> EXERCISE DIRECTIONS
I need the lines below from the one with "#34=IFCINDEXEDPOLYGONALFACE((3,4,8,7));" down to the one with "#39=IFCPRODUCTDEFINITIONSHAPE($,$,(#38));" reproduced exactly, both ends included, and nothing else.

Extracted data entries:
····················

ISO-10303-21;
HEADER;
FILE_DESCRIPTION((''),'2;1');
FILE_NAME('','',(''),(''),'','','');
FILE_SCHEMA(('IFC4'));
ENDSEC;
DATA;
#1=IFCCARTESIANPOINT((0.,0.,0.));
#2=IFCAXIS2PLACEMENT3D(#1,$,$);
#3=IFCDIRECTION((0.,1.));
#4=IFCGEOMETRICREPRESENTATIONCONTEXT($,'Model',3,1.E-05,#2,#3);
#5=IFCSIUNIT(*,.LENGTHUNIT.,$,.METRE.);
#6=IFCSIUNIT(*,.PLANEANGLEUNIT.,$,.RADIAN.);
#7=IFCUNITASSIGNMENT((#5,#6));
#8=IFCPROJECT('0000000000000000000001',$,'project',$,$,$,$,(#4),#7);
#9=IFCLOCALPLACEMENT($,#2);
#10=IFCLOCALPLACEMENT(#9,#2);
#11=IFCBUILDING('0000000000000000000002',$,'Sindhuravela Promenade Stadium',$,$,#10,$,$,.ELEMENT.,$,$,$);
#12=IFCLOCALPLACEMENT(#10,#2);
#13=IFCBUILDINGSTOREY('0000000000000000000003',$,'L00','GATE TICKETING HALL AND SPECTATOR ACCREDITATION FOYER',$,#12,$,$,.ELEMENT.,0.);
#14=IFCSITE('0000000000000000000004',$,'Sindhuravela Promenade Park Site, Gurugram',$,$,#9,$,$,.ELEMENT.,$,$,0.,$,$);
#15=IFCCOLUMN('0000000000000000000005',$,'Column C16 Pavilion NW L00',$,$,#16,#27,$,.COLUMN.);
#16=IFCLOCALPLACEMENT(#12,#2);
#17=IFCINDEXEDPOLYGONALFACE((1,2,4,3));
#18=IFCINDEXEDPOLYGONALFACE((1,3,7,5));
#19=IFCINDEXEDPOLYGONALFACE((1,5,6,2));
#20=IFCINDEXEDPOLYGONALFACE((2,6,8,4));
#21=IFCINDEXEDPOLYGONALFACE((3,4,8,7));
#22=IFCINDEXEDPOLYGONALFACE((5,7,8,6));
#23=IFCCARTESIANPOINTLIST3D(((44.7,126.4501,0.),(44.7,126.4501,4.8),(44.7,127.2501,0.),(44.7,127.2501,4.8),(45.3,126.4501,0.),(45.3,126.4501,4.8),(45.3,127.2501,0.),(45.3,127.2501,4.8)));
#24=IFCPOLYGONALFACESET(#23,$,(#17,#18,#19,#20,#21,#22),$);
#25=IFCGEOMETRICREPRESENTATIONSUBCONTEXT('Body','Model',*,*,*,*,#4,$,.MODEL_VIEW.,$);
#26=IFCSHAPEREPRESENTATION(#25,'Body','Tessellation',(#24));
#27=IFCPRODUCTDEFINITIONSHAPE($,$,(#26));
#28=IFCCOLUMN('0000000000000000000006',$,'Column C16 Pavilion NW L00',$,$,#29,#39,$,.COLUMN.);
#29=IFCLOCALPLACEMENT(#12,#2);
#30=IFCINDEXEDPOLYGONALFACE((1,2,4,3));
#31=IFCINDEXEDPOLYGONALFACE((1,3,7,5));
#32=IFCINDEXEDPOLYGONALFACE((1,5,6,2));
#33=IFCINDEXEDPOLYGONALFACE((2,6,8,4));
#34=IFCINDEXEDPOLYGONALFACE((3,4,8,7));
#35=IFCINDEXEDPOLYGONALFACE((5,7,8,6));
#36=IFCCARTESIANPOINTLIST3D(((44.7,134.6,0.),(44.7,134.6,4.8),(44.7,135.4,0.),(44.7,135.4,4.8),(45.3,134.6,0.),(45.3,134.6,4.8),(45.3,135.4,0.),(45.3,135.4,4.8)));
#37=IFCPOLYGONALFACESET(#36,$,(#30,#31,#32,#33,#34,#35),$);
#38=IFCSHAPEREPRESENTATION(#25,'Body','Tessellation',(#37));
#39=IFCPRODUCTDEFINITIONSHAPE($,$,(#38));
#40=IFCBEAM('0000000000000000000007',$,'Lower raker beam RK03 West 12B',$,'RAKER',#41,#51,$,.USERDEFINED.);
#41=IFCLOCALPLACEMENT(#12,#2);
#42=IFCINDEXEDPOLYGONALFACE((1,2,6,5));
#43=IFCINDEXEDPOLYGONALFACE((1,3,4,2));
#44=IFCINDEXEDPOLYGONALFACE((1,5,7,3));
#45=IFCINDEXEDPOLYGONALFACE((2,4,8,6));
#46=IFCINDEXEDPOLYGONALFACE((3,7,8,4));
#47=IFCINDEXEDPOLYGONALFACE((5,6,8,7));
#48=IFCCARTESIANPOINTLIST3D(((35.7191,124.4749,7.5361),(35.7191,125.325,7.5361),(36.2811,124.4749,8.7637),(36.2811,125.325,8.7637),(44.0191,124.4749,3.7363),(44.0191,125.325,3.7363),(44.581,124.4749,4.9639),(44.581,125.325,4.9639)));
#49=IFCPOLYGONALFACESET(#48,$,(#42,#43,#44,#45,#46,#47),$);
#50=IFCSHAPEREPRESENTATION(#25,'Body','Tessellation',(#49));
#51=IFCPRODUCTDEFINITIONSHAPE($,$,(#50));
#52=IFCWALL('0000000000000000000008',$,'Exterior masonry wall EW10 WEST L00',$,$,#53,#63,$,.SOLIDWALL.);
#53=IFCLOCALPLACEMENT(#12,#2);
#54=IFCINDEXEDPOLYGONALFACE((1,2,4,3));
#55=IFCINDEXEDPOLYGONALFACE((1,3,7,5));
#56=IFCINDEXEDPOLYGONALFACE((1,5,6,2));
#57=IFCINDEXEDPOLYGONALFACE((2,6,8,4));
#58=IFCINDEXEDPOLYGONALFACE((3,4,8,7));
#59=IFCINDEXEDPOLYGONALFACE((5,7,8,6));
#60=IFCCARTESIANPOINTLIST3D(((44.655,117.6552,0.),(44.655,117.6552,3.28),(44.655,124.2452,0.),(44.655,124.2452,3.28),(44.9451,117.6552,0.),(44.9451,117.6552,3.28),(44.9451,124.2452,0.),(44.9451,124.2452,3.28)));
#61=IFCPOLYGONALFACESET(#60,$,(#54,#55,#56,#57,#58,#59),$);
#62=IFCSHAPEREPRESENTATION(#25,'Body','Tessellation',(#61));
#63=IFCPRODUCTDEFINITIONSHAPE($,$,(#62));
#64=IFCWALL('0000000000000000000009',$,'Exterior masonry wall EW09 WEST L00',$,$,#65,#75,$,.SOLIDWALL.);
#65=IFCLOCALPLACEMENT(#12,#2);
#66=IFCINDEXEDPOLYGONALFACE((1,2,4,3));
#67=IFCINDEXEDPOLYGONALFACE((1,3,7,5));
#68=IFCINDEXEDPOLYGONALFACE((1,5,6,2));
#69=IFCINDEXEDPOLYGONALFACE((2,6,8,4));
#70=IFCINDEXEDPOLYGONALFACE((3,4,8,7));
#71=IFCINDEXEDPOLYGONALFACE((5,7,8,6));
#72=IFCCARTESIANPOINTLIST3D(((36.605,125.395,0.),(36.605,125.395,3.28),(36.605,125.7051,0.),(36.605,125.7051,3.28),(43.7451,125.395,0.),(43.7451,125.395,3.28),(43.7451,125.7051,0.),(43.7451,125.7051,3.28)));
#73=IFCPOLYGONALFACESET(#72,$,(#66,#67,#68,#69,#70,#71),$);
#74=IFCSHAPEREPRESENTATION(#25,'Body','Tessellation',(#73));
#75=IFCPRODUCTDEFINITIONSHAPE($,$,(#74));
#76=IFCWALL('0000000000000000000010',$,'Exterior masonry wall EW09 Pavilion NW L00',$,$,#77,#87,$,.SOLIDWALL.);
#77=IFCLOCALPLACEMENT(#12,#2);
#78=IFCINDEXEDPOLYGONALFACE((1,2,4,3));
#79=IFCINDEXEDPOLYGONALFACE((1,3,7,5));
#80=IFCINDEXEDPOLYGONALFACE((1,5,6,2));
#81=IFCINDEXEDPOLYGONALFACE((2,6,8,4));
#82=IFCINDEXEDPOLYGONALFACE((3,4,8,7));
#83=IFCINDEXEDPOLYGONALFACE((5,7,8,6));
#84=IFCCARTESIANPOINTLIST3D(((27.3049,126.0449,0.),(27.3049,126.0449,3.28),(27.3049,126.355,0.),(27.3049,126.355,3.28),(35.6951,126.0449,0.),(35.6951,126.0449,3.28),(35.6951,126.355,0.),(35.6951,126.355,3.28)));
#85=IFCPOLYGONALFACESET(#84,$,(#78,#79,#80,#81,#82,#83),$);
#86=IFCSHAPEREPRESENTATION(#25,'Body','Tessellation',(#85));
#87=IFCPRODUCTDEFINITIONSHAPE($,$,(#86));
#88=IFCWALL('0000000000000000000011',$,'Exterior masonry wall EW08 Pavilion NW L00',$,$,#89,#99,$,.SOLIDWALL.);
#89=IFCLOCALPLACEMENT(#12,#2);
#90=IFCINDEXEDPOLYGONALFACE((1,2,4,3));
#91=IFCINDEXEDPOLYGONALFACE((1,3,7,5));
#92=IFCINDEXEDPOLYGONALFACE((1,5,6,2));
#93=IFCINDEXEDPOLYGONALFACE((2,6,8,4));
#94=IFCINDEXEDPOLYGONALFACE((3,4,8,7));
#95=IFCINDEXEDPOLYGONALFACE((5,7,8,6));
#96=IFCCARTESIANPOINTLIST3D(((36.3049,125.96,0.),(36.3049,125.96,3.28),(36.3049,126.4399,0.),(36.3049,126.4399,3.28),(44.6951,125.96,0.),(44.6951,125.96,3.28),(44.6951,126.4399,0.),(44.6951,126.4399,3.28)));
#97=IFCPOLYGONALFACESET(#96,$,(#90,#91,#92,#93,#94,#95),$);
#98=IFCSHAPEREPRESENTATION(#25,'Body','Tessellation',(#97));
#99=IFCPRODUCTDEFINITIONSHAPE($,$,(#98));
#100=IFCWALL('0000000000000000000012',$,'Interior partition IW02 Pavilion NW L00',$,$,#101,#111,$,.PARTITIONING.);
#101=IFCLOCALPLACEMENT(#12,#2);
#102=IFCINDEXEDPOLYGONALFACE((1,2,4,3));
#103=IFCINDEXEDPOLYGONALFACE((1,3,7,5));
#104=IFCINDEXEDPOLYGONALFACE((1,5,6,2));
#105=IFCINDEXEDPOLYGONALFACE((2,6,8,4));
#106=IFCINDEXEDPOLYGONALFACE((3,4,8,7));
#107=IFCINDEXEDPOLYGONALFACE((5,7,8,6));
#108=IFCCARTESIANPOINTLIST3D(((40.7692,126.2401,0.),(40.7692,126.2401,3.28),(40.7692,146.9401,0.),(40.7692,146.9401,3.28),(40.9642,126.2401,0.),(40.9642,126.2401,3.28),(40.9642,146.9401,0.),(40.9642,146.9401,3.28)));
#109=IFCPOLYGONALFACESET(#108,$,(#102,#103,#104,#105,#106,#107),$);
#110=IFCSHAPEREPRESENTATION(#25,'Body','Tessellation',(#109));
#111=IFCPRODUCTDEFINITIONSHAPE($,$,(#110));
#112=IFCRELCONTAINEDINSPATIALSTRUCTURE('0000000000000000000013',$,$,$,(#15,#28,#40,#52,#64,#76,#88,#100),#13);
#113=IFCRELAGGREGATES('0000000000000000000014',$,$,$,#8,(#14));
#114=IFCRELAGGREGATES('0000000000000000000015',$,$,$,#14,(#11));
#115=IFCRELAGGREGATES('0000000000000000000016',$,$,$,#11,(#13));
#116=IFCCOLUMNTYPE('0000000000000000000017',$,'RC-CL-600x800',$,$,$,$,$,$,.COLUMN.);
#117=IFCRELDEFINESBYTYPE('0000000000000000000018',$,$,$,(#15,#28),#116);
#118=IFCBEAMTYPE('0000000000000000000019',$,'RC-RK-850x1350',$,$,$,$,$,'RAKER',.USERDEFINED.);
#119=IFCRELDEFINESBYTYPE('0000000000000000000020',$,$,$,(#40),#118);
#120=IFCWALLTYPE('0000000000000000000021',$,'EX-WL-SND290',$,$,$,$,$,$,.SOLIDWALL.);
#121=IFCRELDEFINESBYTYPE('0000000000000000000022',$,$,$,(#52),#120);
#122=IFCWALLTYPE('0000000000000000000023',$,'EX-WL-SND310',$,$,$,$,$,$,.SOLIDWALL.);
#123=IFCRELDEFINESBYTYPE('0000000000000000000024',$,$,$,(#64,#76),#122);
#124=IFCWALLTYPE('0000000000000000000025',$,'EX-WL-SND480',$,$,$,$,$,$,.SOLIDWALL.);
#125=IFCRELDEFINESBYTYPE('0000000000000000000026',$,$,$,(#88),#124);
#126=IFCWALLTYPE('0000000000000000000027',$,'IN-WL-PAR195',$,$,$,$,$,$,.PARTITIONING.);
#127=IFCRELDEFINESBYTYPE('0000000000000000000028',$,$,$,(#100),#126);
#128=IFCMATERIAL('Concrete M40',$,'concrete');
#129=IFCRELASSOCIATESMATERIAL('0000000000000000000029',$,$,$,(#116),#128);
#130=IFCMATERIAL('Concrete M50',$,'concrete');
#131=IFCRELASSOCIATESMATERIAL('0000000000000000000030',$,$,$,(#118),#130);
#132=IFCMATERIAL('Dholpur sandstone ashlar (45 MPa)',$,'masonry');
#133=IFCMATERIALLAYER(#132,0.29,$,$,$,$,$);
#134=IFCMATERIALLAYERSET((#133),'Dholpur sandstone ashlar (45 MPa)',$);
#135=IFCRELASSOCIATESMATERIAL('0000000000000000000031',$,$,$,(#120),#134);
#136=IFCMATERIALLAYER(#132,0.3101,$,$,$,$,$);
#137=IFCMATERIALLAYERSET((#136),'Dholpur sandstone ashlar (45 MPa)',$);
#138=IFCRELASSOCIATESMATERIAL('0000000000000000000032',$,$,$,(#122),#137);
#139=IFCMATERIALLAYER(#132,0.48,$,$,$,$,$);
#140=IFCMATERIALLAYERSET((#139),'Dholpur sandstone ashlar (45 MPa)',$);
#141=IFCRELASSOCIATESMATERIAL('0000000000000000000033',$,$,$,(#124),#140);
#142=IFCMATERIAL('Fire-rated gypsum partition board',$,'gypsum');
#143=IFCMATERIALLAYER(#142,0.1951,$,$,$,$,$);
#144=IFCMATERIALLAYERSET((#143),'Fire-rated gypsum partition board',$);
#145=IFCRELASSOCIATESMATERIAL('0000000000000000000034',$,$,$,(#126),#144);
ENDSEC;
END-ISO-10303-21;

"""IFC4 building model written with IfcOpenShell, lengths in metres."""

from ifc_helpers import new_model, si_unit, direction, frame, frame_2d, origin, origin_2d, place, context, subcontext, project, spatial, rectangle, extrude, material, layer, layer_set, material_profile, profile_set, type_object, element, save


model = new_model("IFC4")

# Units and contexts
model_context = context("Model", 3, precision=1e-05, world=origin(), true_north=direction((0.0, 1.0)))
body_context = subcontext(model_context, "Body", "Model", "MODEL_VIEW")
ifc_project = project(units=[si_unit("LENGTHUNIT", "METRE"), si_unit("PLANEANGLEUNIT", "RADIAN")], contexts=[model_context])

# Site, building, storey
site_placement = place(None, origin())
site = spatial("IfcSite", under=ifc_project, at=site_placement, Name="Sindhuravela Promenade Park Site, Gurugram", CompositionType="ELEMENT", RefElevation=0.0)
building_placement = place(site_placement, origin())
building = spatial("IfcBuilding", under=site, at=building_placement, Name="Sindhuravela Promenade Stadium", CompositionType="ELEMENT")
storey_placement = place(building_placement, origin())
storey = spatial("IfcBuildingStorey", under=building, at=storey_placement, Name="L00", Description="GATE TICKETING HALL AND SPECTATOR ACCREDITATION FOYER", CompositionType="ELEMENT", Elevation=0.0)

# Shared definitions
ifc_material_1 = material(Name="Concrete M50", Category="concrete")

# Shared definitions
ifc_material_2 = material(Name="Concrete M40", Category="concrete")

# Columns
ifc_material_profile_1 = material_profile(ifc_material_2, rectangle(XDim=0.6001, YDim=0.8, at=origin_2d()), Name="RC 600x800")
ifc_profile_set_1 = profile_set([ifc_material_profile_1], Name="Concrete M40")
column_type_1 = type_object("IfcColumnType", Name="RC-CL-600x800", PredefinedType="COLUMN", material=ifc_profile_set_1)
for number, where, z_axis, x_axis, name in (
    (1, (45.0, 126.8501, 0.0), (0.0, 0.0, 1.0), (1.0, 0.0, 0.0), "Column C16 Pavilion NW L00"),
    (2, (45.0, 135.0, 0.0), (0.0, 0.0, 1.0), (1.0, 0.0, 0.0), "Column C16 Pavilion NW L00"),
):
    element("IfcColumn", number, at=place(storey_placement, frame(where, z_axis=z_axis, x_axis=x_axis)), inside=storey, type_object=column_type_1, Name=name, PredefinedType="COLUMN", context=body_context, shape_type="SweptSolid", body=[
        extrude(rectangle(XDim=0.6001, YDim=0.8, at=origin_2d()), origin(), (0.0, 0.0, 1.0), 4.8),
    ])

····················

> RESULT OF THIS TASK
#34=IFCINDEXEDPOLYGONALFACE((3,4,8,7));
#35=IFCINDEXEDPOLYGONALFACE((5,7,8,6));
#36=IFCCARTESIANPOINTLIST3D(((44.7,134.6,0.),(44.7,134.6,4.8),(44.7,135.4,0.),(44.7,135.4,4.8),(45.3,134.6,0.),(45.3,134.6,4.8),(45.3,135.4,0.),(45.3,135.4,4.8)));
#37=IFCPOLYGONALFACESET(#36,$,(#30,#31,#32,#33,#34,#35),$);
#38=IFCSHAPEREPRESENTATION(#25,'Body','Tessellation',(#37));
#39=IFCPRODUCTDEFINITIONSHAPE($,$,(#38));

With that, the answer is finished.